### Prompt
Beginning with the line where "#135=IFCINDEXEDPOLYGONALFACE((17,18,22,21));" occurs, set down each line of the records through the final one, exactly and without additions.

### Saved data entries
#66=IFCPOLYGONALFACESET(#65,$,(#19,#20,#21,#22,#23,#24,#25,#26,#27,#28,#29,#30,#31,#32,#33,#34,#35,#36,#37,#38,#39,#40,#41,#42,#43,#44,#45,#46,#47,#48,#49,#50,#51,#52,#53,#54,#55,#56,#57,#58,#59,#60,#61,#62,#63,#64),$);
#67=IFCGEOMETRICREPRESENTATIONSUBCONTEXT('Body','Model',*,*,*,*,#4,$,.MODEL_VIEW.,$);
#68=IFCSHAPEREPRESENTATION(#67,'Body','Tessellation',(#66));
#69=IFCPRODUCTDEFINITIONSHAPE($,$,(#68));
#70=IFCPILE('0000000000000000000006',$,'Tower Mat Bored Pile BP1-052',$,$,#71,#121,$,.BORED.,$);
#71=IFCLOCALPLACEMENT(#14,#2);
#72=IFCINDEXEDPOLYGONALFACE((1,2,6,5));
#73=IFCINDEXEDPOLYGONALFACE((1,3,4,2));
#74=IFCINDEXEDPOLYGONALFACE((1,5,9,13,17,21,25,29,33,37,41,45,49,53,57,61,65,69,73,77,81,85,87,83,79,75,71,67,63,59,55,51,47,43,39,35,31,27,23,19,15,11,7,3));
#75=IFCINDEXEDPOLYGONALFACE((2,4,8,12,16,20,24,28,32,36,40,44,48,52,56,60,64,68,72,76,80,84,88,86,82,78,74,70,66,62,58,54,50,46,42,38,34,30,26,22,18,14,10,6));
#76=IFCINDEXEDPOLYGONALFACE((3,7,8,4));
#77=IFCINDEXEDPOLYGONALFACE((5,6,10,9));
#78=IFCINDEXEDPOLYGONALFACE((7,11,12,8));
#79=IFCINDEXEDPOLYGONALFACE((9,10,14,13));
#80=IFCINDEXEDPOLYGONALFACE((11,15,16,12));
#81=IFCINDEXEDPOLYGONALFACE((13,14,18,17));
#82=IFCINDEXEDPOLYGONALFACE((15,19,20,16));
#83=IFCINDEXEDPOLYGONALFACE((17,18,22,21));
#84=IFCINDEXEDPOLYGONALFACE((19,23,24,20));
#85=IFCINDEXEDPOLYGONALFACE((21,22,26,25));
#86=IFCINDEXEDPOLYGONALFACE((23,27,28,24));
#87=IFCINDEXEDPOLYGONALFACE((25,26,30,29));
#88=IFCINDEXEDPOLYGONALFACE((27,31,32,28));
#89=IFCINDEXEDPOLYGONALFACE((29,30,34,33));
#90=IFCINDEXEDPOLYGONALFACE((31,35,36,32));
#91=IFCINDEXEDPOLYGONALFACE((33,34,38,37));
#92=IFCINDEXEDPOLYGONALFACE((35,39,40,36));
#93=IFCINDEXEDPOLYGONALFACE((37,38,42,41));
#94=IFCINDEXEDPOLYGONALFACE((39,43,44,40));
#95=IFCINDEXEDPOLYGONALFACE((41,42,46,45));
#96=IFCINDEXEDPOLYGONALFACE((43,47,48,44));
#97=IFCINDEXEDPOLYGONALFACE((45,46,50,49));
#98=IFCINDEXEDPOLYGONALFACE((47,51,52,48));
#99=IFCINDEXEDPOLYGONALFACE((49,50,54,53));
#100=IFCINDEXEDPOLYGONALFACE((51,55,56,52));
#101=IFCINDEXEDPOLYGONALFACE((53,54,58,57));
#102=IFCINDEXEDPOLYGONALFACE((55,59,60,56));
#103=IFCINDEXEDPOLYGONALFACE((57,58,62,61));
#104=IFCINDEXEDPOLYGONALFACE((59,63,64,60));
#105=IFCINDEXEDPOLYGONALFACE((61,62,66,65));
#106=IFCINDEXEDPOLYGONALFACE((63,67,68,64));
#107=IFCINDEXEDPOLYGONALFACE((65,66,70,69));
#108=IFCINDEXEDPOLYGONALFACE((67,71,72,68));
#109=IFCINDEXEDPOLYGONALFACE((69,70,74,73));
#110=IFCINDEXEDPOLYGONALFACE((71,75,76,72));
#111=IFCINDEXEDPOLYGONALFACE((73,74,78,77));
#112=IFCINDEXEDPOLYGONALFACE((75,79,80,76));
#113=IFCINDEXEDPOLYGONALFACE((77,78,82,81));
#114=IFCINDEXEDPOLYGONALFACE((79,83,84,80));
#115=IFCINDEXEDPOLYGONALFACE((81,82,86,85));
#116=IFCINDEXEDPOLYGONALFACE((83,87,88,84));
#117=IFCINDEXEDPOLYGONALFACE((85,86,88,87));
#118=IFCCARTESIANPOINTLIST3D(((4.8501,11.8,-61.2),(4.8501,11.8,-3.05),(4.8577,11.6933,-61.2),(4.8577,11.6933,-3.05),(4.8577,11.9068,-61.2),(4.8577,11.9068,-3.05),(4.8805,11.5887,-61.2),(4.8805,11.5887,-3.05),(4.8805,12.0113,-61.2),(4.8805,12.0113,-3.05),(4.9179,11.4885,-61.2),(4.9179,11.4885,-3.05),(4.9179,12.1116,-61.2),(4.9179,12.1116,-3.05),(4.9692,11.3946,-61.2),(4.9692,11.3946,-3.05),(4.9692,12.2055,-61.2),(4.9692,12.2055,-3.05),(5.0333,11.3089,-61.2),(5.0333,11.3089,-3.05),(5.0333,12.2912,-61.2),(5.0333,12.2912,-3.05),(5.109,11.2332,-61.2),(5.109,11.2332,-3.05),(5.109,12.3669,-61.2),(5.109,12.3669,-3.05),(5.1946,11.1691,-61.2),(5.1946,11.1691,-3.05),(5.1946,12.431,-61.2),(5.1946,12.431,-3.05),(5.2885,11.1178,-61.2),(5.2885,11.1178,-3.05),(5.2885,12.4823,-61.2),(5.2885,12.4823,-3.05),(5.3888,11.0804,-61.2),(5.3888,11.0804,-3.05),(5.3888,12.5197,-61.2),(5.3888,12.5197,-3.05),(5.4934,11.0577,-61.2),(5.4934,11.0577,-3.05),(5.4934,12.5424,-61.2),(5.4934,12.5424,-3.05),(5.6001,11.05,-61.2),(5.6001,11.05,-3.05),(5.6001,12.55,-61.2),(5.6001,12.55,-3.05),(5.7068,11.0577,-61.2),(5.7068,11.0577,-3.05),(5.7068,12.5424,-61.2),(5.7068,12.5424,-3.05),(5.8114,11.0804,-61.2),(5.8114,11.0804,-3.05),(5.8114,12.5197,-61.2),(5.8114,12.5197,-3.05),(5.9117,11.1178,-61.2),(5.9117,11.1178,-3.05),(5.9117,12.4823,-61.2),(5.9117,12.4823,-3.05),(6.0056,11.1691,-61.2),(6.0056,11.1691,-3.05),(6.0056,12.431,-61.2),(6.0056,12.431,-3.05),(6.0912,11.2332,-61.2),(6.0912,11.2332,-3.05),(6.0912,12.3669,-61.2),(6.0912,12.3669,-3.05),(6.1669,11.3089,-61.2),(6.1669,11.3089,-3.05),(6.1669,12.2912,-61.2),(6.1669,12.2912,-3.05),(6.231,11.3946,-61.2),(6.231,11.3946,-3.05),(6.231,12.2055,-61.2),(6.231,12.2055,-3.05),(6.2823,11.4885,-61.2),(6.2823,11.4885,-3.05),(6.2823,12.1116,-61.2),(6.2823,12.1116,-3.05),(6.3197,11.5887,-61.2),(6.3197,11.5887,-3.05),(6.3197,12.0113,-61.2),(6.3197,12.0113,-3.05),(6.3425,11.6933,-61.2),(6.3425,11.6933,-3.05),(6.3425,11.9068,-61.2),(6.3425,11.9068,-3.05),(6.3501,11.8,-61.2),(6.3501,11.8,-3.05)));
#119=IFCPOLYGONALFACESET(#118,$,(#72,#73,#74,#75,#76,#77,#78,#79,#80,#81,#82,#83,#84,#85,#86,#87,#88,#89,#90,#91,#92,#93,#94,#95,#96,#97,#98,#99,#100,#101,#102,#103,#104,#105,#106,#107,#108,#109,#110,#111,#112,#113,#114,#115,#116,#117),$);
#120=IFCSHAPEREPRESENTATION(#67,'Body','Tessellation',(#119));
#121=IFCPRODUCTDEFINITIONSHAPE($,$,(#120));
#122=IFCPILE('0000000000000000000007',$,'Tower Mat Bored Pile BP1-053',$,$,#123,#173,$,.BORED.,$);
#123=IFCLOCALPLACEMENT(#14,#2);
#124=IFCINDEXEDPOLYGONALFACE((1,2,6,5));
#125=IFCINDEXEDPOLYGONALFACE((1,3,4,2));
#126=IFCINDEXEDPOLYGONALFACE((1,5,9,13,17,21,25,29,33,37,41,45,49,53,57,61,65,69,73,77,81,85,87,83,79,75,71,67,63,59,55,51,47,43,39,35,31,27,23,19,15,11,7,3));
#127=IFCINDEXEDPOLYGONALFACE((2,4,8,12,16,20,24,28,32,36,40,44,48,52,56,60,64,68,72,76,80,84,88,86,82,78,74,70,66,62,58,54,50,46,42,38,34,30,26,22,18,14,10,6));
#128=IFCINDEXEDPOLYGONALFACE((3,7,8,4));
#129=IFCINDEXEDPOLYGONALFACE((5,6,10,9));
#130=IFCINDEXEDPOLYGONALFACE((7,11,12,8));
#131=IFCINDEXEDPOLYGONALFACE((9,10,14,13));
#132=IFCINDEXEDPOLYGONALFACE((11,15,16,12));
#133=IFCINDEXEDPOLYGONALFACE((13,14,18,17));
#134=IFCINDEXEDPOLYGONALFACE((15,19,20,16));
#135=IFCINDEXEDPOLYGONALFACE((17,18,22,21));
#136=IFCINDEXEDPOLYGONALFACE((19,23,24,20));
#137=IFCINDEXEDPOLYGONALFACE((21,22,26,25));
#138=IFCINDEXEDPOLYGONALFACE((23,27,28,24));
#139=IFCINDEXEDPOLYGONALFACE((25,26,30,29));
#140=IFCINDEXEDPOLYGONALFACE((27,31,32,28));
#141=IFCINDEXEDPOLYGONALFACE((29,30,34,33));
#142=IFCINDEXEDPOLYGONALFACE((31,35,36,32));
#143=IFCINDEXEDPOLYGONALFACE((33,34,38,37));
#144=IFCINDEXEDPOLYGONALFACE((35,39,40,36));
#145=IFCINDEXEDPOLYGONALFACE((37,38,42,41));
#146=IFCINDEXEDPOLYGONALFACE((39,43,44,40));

### Worked solution
#135=IFCINDEXEDPOLYGONALFACE((17,18,22,21));
#136=IFCINDEXEDPOLYGONALFACE((19,23,24,20));
#137=IFCINDEXEDPOLYGONALFACE((21,22,26,25));
#138=IFCINDEXEDPOLYGONALFACE((23,27,28,24));
#139=IFCINDEXEDPOLYGONALFACE((25,26,30,29));
#140=IFCINDEXEDPOLYGONALFACE((27,31,32,28));
#141=IFCINDEXEDPOLYGONALFACE((29,30,34,33));
#142=IFCINDEXEDPOLYGONALFACE((31,35,36,32));
#143=IFCINDEXEDPOLYGONALFACE((33,34,38,37));
#144=IFCINDEXEDPOLYGONALFACE((35,39,40,36));
#145=IFCINDEXEDPOLYGONALFACE((37,38,42,41));
#146=IFCINDEXEDPOLYGONALFACE((39,43,44,40));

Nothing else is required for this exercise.